[WORK ORDER] Where the line with "#45=IFCINDEXEDPOLYGONALFACE((43,45,46,44));" appears below, start writing out lines exactly, and finish with the line with "#47=IFCINDEXEDPOLYGONALFACE((47,49,50,48));", which is included; write out nothing else.

[Saved data entries]
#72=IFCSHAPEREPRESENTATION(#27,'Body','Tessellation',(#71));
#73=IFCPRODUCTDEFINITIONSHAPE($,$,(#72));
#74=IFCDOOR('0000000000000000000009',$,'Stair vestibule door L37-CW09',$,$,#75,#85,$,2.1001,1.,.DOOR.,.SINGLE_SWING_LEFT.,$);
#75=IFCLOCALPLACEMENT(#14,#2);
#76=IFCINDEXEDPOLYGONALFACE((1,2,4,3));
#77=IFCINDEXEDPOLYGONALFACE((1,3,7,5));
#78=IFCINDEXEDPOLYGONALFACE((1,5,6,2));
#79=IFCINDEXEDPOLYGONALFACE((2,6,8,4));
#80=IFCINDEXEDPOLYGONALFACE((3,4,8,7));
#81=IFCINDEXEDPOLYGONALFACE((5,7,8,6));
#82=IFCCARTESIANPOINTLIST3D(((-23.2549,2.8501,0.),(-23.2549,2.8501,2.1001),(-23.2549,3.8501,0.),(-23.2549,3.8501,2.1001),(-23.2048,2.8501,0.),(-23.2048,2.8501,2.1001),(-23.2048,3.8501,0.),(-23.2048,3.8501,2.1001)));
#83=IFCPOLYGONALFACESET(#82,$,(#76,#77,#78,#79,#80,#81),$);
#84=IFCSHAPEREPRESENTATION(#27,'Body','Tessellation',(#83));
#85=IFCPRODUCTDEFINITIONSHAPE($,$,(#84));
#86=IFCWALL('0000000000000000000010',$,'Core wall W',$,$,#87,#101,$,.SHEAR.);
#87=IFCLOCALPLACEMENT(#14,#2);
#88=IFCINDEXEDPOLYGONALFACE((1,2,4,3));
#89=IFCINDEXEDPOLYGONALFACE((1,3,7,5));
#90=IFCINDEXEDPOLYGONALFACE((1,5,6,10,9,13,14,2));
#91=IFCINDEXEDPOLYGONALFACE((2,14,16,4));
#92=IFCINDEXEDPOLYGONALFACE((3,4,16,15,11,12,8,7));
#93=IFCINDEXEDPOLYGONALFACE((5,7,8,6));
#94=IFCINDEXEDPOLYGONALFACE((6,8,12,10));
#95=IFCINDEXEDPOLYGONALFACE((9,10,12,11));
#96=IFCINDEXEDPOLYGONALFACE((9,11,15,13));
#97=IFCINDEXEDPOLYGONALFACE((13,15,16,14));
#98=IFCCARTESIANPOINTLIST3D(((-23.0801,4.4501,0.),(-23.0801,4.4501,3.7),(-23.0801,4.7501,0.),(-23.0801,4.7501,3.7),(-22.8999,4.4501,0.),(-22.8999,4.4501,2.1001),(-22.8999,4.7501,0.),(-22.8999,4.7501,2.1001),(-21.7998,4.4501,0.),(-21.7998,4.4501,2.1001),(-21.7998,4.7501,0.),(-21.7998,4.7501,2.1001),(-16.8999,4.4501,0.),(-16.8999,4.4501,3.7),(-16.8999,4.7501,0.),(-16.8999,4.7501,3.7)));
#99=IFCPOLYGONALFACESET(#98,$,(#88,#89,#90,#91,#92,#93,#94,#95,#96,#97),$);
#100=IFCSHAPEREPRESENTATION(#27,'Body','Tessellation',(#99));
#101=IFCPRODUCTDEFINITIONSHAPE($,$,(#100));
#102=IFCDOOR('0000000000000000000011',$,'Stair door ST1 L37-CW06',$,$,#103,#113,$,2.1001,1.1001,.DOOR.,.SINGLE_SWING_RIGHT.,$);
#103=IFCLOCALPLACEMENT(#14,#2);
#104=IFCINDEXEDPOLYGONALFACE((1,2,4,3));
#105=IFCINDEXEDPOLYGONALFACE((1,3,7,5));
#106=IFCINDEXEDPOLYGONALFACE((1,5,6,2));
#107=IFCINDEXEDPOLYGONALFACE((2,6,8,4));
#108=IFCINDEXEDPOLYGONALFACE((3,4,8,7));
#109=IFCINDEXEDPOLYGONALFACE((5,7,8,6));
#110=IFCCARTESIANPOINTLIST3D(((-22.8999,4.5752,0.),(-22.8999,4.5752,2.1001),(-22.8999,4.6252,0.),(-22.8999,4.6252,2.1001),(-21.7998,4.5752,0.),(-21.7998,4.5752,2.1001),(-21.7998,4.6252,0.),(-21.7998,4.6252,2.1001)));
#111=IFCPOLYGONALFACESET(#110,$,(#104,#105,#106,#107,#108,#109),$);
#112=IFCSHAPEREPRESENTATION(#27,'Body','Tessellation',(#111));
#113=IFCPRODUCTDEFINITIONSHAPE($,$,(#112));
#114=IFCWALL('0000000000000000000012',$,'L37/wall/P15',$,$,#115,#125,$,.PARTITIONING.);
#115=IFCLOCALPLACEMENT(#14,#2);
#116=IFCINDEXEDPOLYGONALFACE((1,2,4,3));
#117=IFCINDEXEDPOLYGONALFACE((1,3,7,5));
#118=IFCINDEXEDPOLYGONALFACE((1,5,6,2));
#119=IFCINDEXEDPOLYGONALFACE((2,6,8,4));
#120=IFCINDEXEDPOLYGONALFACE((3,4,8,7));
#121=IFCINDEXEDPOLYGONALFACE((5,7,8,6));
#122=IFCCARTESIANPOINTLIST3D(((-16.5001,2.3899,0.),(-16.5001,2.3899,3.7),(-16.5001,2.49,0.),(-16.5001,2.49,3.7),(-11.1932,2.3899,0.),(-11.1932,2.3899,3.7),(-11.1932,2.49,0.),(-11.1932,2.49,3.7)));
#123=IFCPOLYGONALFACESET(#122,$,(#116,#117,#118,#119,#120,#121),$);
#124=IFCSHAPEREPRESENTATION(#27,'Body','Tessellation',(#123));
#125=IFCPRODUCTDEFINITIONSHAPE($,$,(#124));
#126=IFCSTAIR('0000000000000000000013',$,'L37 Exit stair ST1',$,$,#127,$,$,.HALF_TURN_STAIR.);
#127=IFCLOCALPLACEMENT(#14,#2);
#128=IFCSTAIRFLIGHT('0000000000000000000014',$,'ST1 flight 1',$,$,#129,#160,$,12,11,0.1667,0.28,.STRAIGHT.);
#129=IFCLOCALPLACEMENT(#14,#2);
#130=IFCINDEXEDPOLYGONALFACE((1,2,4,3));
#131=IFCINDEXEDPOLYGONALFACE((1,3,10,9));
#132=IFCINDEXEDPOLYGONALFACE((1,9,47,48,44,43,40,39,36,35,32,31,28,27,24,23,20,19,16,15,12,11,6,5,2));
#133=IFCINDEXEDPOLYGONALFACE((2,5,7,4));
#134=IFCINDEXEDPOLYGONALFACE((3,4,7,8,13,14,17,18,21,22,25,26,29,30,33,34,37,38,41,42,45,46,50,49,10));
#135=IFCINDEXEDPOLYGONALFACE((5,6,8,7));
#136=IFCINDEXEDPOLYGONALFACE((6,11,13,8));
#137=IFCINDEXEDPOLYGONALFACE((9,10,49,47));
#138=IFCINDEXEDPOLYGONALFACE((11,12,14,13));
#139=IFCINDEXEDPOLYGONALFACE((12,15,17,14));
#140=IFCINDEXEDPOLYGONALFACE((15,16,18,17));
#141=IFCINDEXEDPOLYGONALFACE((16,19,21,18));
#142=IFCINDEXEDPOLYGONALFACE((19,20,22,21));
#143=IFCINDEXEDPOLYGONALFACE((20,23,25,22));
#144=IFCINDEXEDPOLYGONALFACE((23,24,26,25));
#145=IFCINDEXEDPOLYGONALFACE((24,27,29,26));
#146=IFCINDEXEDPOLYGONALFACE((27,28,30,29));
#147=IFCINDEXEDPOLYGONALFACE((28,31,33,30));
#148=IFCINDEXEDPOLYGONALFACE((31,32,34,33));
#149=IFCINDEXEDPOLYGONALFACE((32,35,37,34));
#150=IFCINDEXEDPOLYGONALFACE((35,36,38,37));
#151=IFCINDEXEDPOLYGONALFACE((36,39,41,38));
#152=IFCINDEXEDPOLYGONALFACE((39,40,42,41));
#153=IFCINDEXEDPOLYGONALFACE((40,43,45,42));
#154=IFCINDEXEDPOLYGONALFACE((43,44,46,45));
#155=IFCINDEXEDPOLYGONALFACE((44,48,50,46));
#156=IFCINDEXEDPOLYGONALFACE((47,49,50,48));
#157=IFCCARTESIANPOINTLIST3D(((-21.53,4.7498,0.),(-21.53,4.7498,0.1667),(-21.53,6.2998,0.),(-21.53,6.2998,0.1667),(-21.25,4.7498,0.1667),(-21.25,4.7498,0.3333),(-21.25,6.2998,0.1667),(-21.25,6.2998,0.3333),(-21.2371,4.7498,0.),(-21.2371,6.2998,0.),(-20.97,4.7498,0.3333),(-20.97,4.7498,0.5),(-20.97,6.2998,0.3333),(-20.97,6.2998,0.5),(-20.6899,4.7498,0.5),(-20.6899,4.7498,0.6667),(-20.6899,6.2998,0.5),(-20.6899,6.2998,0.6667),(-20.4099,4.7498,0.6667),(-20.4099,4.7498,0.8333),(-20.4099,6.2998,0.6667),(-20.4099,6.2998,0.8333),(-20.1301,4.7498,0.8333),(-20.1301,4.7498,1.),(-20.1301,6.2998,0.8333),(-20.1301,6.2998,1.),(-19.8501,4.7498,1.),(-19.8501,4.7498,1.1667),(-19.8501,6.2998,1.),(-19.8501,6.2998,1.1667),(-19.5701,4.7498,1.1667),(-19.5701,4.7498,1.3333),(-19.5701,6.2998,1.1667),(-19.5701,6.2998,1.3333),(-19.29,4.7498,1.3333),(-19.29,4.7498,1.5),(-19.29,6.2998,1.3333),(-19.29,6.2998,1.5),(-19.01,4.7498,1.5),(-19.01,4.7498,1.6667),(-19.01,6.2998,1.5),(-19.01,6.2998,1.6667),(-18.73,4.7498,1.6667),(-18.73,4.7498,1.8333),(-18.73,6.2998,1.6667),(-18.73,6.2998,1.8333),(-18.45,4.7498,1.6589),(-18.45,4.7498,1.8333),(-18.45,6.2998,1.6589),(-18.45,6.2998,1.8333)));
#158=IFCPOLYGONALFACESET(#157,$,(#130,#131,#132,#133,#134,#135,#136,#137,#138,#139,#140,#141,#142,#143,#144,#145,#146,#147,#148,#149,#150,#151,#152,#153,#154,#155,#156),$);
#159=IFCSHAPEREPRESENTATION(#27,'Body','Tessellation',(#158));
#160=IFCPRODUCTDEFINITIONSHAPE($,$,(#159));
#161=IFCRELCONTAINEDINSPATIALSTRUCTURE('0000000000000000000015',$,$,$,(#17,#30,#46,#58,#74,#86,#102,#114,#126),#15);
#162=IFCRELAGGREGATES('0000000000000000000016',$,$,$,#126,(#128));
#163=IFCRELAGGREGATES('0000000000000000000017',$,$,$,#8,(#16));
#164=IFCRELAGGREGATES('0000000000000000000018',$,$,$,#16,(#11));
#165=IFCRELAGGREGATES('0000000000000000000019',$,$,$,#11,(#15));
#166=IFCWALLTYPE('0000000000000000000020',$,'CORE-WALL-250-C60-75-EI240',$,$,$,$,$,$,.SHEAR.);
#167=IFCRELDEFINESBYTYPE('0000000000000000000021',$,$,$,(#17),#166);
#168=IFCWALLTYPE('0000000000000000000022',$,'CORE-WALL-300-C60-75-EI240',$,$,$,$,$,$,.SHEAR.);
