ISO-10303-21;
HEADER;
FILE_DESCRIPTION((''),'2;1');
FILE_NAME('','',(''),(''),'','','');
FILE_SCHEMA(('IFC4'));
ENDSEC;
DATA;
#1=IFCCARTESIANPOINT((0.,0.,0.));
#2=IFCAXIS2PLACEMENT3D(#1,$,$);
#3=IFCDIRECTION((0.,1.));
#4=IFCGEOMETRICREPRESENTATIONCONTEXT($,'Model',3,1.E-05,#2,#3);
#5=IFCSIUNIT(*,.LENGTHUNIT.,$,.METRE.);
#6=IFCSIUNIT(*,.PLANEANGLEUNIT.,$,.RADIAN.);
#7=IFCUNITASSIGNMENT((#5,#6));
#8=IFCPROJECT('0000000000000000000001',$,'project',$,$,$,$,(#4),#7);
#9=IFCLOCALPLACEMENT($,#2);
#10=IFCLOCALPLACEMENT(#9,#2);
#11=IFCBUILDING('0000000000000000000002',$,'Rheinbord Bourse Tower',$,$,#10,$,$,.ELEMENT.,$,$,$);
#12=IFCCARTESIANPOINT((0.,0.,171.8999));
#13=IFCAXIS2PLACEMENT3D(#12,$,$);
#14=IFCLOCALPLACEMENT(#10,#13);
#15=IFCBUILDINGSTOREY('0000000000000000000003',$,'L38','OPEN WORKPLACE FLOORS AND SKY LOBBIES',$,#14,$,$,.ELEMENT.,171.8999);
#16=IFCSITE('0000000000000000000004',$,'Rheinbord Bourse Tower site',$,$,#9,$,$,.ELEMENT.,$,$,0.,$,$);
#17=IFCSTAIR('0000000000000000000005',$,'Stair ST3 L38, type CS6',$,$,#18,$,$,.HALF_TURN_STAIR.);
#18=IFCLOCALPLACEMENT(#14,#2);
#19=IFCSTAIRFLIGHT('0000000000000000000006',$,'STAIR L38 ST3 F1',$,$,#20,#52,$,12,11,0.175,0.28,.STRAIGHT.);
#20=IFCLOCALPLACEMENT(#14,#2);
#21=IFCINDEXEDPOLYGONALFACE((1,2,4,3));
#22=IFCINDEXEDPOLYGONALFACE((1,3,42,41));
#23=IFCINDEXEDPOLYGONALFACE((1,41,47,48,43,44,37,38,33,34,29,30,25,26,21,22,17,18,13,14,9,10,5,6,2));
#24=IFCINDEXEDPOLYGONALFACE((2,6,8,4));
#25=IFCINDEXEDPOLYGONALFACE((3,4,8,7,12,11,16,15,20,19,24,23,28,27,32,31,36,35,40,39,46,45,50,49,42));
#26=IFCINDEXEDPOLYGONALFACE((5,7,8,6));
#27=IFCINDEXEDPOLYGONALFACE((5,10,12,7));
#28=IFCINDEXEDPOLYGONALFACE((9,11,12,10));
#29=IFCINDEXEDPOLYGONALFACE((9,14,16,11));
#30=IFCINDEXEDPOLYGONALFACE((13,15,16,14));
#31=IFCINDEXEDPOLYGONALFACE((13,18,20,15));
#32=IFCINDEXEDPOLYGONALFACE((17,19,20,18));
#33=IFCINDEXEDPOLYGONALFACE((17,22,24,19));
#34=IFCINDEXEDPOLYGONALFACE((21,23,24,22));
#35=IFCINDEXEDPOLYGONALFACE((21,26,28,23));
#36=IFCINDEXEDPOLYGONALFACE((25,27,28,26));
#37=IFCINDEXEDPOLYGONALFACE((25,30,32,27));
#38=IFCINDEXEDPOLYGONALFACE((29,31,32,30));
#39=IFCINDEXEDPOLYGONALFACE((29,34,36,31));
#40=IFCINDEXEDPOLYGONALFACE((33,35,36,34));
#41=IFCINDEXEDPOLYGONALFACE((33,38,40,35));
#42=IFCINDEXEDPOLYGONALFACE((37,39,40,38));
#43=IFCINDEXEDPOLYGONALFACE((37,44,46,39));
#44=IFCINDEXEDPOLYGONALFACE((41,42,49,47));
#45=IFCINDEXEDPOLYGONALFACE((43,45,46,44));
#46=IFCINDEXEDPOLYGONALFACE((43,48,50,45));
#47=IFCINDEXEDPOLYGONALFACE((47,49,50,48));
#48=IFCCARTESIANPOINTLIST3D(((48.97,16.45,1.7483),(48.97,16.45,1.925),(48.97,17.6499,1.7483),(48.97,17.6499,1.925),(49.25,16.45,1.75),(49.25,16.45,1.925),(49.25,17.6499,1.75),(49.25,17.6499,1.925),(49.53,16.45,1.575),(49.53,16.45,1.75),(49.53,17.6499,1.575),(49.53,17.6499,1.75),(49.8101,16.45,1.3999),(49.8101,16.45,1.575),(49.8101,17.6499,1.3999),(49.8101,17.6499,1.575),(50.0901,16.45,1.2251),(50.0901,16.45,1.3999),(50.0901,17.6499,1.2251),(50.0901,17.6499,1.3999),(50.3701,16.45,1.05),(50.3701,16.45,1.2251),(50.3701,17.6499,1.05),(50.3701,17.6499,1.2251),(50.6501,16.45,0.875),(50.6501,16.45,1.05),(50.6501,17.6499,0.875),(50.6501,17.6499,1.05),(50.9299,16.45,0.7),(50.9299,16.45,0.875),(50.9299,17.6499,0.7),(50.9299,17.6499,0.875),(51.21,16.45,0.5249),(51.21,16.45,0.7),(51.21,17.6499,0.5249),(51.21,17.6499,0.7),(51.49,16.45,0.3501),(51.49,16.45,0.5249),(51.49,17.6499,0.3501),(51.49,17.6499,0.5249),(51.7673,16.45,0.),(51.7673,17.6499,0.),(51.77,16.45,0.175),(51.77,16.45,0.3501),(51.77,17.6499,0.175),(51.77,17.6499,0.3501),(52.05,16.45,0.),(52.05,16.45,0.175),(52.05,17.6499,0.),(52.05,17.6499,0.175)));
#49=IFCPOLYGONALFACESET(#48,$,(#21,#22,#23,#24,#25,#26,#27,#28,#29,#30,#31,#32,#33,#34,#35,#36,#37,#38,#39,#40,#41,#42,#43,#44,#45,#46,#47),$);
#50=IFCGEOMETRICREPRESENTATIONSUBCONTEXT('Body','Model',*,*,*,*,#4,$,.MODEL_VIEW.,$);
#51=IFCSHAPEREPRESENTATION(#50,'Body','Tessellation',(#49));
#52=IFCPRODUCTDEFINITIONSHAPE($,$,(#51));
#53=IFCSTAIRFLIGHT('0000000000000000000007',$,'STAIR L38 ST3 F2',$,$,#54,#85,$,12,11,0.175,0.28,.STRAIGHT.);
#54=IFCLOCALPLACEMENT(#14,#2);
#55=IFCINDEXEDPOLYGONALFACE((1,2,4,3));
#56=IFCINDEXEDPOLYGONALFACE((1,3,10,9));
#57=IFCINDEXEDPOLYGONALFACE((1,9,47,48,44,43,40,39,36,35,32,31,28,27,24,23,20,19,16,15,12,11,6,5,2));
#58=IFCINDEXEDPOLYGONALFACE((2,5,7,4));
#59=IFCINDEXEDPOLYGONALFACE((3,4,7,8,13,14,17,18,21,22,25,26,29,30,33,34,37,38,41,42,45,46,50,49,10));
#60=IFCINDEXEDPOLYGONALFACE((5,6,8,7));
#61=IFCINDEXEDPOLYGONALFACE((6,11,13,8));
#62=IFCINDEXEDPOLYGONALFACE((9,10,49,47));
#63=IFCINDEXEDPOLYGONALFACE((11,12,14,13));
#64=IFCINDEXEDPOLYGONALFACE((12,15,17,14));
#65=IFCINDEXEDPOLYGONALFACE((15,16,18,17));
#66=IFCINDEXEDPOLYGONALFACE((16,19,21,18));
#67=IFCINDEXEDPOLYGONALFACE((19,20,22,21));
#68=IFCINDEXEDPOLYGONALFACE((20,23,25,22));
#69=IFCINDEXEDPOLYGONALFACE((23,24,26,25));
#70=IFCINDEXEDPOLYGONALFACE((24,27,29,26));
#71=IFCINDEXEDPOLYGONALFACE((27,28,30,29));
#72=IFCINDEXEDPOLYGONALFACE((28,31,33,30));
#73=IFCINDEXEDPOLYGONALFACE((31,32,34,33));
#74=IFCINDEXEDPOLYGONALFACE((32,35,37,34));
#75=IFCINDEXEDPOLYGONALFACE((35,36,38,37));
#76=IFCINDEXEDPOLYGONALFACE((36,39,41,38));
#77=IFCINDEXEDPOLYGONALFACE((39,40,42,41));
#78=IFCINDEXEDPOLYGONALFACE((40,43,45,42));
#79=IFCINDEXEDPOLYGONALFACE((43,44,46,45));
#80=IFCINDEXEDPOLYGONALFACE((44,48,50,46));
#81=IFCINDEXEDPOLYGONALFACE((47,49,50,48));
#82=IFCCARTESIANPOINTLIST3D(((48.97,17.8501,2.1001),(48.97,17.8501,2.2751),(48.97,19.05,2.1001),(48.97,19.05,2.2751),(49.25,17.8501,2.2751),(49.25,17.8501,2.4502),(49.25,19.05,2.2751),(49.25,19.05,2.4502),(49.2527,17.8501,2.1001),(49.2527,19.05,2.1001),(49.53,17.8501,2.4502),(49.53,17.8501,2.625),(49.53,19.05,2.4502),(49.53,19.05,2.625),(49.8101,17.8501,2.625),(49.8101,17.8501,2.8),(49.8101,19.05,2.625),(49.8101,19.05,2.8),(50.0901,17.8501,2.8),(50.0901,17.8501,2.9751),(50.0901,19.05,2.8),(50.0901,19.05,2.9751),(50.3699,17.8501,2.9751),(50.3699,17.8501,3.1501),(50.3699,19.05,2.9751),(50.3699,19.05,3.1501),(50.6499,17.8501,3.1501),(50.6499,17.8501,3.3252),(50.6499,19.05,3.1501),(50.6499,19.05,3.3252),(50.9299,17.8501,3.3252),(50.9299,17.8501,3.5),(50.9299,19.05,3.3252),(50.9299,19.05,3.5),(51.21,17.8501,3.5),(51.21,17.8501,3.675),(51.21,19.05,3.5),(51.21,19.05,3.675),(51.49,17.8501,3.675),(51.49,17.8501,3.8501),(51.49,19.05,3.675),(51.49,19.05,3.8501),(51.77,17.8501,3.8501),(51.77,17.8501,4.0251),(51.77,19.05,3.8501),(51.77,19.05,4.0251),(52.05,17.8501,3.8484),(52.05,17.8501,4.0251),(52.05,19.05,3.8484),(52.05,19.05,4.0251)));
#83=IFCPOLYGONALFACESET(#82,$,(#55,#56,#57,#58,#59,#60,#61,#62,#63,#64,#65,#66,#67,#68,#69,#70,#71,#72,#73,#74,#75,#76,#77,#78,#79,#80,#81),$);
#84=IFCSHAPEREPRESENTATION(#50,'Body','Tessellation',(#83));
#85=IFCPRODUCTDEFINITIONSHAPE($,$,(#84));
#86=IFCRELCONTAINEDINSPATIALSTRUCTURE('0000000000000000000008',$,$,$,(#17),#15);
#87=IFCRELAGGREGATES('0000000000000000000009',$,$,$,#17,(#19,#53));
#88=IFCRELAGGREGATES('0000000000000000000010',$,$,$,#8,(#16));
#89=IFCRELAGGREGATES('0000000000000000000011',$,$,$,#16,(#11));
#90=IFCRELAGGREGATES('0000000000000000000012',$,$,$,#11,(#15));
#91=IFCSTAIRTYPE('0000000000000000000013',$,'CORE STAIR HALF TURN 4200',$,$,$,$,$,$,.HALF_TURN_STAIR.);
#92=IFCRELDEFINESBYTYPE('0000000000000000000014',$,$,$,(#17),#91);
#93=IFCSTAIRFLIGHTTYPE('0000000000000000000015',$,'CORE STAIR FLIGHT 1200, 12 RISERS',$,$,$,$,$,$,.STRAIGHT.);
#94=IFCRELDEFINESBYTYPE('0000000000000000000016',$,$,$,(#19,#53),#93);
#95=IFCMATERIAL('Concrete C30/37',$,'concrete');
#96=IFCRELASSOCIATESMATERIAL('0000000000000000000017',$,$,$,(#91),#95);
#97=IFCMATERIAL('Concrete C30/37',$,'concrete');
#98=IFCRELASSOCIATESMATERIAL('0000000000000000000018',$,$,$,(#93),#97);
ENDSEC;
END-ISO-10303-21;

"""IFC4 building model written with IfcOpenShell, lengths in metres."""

from ifc_helpers import new_model, si_unit, direction, frame, origin, place, context, subcontext, project, spatial, polyline, outline, extrude, material, type_object, element, aggregate, save


model = new_model("IFC4")

# Units and contexts
model_context = context("Model", 3, precision=1e-05, world=origin(), true_north=direction((0.0, 1.0)))
body_context = subcontext(model_context, "Body", "Model", "MODEL_VIEW")
ifc_project = project(units=[si_unit("LENGTHUNIT", "METRE"), si_unit("PLANEANGLEUNIT", "RADIAN")], contexts=[model_context])

# Site, building, storey
site_placement = place(None, origin())
site = spatial("IfcSite", under=ifc_project, at=site_placement, Name="Rheinbord Bourse Tower site", CompositionType="ELEMENT", RefElevation=0.0)
building_placement = place(site_placement, origin())
building = spatial("IfcBuilding", under=site, at=building_placement, Name="Rheinbord Bourse Tower", CompositionType="ELEMENT")
storey_placement = place(building_placement, frame((0.0, 0.0, 171.8999)))
storey = spatial("IfcBuildingStorey", under=building, at=storey_placement, Name="L38", Description="OPEN WORKPLACE FLOORS AND SKY LOBBIES", CompositionType="ELEMENT", Elevation=171.8999)

# Stair, stair flights
ifc_material_1 = material(Name="Concrete C30/37", Category="concrete")
stair_type = type_object("IfcStairType", Name="CORE STAIR HALF TURN 4200", PredefinedType="HALF_TURN_STAIR", material=ifc_material_1)
stair_placement = place(storey_placement, origin())
stair = element("IfcStair", 1, at=stair_placement, inside=storey, type_object=stair_type, Name="Stair ST3 L38, type CS6", PredefinedType="HALF_TURN_STAIR")
ifc_material_2 = material(Name="Concrete C30/37", Category="concrete")
stair_flight_type = type_object("IfcStairFlightType", Name="CORE STAIR FLIGHT 1200, 12 RISERS", PredefinedType="STRAIGHT", material=ifc_material_2)
stair_flight_1_placement = place(storey_placement, frame((52.05, 17.05, 0.0), z_axis=(0.0, 0.0, 1.0), x_axis=(-1.0, 0.0, 0.0)))
stair_flight_1 = element("IfcStairFlight", 2, at=stair_flight_1_placement, type_object=stair_flight_type, Name="STAIR L38 ST3 F1", NumberOfRisers=12, NumberOfTreads=11, PredefinedType="STRAIGHT", RiserHeight=0.175, TreadLength=0.28, context=body_context, shape_type="SweptSolid", body=[
    extrude(outline(polyline([(0.0, 0.0), (0.0, 0.175), (0.28, 0.175), (0.28, 0.3501), (0.5601, 0.3501), (0.5601, 0.5249), (0.8401, 0.5249), (0.8401, 0.7), (1.1201, 0.7), (1.1201, 0.875), (1.3999, 0.875), (1.3999, 1.05), (1.6799, 1.05), (1.6799, 1.2251), (1.96, 1.2251), (1.96, 1.3999), (2.24, 1.3999), (2.24, 1.575), (2.52, 1.575), (2.52, 1.75), (2.8, 1.75), (2.8, 1.925), (3.0801, 1.925), (3.0801, 2.1001), (3.0801, 1.7483), (0.2827, 0.0), (0.0, 0.0)])), frame((0.0, 0.6001, 0.0), z_axis=(0.0, -1.0, 0.0), x_axis=(1.0, 0.0, 0.0)), (0.0, 0.0, 1.0), 1.2),
])
stair_flight_2_placement = place(storey_placement, frame((48.97, 18.45, 2.1001), z_axis=(0.0, 0.0, 1.0), x_axis=(1.0, 0.0, 0.0)))
stair_flight_2 = element("IfcStairFlight", 3, at=stair_flight_2_placement, type_object=stair_flight_type, Name="STAIR L38 ST3 F2", NumberOfRisers=12, NumberOfTreads=11, PredefinedType="STRAIGHT", RiserHeight=0.175, TreadLength=0.28, context=body_context, shape_type="SweptSolid", body=[
    extrude(outline(polyline([(0.0, 0.0), (0.0, 0.175), (0.28, 0.175), (0.28, 0.3501), (0.5601, 0.3501), (0.5601, 0.5249), (0.8401, 0.5249), (0.8401, 0.7), (1.1201, 0.7), (1.1201, 0.875), (1.3999, 0.875), (1.3999, 1.05), (1.6799, 1.05), (1.6799, 1.2251), (1.96, 1.2251), (1.96, 1.3999), (2.24, 1.3999), (2.24, 1.575), (2.52, 1.575), (2.52, 1.75), (2.8, 1.75), (2.8, 1.925), (3.0801, 1.925), (3.0801, 2.1001), (3.0801, 1.7483), (0.2827, 0.0), (0.0, 0.0)])), frame((0.0, 0.6001, 0.0), z_axis=(0.0, -1.0, 0.0), x_axis=(1.0, 0.0, 0.0)), (0.0, 0.0, 1.0), 1.2),
])
aggregate(stair, [stair_flight_1, stair_flight_2])

save(model, "model.ifc")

[SOLUTION TO THE PROBLEM]
#45=IFCINDEXEDPOLYGONALFACE((43,45,46,44));
#46=IFCINDEXEDPOLYGONALFACE((43,48,50,45));
#47=IFCINDEXEDPOLYGONALFACE((47,49,50,48));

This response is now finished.